Data extracted from a collection:

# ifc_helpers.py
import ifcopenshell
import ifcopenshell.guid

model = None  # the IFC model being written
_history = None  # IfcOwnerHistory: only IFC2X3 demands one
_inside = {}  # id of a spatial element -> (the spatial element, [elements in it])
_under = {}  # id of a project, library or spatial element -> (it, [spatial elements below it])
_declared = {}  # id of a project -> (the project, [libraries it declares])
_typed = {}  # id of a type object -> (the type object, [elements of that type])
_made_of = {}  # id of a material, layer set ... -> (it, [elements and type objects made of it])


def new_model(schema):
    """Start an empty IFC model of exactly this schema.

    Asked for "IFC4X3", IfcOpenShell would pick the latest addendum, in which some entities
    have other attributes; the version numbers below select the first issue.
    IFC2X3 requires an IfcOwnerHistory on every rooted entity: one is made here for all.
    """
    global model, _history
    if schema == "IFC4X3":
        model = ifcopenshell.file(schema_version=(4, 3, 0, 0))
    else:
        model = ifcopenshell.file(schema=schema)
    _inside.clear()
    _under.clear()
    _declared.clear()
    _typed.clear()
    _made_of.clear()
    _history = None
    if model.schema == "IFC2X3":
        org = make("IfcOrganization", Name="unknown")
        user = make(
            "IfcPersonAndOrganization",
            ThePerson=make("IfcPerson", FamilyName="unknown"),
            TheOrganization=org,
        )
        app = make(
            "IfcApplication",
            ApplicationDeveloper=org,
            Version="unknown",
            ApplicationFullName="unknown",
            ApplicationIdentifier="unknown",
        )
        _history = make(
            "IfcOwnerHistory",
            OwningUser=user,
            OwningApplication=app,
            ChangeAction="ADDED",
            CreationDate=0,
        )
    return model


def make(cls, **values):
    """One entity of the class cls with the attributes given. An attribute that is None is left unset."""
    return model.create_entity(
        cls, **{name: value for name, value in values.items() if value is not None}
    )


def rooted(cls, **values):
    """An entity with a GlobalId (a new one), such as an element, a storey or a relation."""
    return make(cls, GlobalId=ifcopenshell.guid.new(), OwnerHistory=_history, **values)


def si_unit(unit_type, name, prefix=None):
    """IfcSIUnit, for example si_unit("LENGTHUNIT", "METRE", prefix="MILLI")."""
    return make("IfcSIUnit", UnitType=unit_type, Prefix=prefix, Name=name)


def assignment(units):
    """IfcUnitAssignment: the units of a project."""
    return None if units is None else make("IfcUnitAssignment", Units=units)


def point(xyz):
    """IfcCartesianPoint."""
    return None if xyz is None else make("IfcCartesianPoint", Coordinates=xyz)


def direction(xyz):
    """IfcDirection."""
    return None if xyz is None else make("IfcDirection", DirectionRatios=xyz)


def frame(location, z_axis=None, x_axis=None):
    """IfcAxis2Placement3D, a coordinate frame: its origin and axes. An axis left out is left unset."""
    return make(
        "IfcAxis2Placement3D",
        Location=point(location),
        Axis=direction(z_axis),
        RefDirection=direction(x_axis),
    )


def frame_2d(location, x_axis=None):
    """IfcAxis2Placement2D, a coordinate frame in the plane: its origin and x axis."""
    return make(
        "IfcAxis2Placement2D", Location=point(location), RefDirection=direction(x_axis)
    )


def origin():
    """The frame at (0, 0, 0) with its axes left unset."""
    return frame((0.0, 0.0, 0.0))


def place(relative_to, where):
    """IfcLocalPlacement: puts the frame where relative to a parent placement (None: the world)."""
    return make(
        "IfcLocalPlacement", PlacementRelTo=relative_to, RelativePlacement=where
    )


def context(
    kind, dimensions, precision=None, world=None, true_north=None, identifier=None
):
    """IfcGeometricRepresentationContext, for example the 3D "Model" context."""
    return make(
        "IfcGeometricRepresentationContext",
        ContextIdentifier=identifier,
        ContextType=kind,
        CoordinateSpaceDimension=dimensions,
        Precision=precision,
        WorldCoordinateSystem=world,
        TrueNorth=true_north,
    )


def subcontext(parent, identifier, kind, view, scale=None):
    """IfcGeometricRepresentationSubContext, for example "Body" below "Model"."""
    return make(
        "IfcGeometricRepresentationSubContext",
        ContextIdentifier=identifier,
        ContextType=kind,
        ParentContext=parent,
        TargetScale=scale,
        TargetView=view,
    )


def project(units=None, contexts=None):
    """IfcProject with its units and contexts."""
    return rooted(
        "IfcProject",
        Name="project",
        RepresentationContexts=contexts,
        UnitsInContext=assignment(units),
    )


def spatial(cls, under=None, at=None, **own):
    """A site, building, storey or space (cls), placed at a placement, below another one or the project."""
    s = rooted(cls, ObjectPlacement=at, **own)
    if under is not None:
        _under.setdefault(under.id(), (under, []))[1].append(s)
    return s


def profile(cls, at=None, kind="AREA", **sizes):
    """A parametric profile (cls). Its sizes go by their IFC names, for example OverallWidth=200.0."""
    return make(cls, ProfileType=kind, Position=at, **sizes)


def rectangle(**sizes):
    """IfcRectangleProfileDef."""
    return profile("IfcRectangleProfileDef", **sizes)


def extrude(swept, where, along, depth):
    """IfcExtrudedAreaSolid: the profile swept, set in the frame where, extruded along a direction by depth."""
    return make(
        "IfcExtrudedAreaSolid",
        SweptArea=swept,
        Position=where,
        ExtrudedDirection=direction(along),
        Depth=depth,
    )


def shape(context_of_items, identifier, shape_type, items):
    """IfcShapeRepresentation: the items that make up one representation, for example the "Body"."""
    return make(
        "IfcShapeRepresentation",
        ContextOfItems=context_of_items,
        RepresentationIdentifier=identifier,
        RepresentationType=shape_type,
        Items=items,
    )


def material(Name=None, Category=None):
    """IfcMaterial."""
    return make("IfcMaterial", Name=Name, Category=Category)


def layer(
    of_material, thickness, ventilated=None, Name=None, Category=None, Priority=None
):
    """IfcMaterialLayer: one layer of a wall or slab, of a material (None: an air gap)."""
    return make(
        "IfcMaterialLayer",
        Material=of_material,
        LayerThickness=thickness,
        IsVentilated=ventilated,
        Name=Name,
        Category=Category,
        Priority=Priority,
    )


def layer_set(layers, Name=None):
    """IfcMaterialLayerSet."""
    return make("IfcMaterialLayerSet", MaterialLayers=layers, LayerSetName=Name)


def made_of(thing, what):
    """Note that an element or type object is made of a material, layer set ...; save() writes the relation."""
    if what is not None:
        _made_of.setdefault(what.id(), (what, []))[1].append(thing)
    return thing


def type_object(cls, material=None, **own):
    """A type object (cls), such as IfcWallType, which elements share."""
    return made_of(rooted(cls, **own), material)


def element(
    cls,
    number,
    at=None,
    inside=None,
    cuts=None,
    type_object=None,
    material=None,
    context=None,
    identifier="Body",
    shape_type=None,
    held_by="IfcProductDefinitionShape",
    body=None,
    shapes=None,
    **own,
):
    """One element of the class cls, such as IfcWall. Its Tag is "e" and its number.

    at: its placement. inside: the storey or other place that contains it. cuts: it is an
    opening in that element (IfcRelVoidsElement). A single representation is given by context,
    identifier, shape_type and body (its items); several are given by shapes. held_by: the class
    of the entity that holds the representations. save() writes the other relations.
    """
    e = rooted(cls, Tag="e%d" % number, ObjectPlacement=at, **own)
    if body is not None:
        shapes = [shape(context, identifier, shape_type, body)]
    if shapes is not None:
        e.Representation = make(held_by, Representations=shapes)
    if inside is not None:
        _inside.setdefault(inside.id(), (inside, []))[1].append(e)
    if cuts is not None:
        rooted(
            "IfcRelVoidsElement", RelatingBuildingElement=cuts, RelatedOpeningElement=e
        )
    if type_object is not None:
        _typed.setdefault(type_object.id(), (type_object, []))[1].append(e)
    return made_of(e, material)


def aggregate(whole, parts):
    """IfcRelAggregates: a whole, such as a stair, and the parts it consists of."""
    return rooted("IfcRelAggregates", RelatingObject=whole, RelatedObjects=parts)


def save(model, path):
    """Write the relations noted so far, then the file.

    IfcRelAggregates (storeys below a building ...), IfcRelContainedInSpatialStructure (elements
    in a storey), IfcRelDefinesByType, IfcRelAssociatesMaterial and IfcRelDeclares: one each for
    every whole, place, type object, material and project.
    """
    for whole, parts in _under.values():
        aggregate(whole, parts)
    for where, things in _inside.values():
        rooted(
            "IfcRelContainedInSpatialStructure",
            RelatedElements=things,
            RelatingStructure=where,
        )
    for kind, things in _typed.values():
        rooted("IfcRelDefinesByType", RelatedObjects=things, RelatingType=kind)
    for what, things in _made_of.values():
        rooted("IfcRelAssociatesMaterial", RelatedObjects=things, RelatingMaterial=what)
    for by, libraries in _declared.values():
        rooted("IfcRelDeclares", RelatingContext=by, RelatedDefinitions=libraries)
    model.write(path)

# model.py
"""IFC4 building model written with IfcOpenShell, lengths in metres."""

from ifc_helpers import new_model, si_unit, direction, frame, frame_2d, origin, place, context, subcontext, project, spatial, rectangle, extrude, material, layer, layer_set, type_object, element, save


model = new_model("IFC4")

**Description of the task**
Emit only the final stretch of the records: the line containing "model.write(path)" through the end, each line exactly as it stands.

**The answer**
    model.write(path)

# model.py
"""IFC4 building model written with IfcOpenShell, lengths in metres."""

from ifc_helpers import new_model, si_unit, direction, frame, frame_2d, origin, place, context, subcontext, project, spatial, rectangle, extrude, material, layer, layer_set, type_object, element, save


model = new_model("IFC4")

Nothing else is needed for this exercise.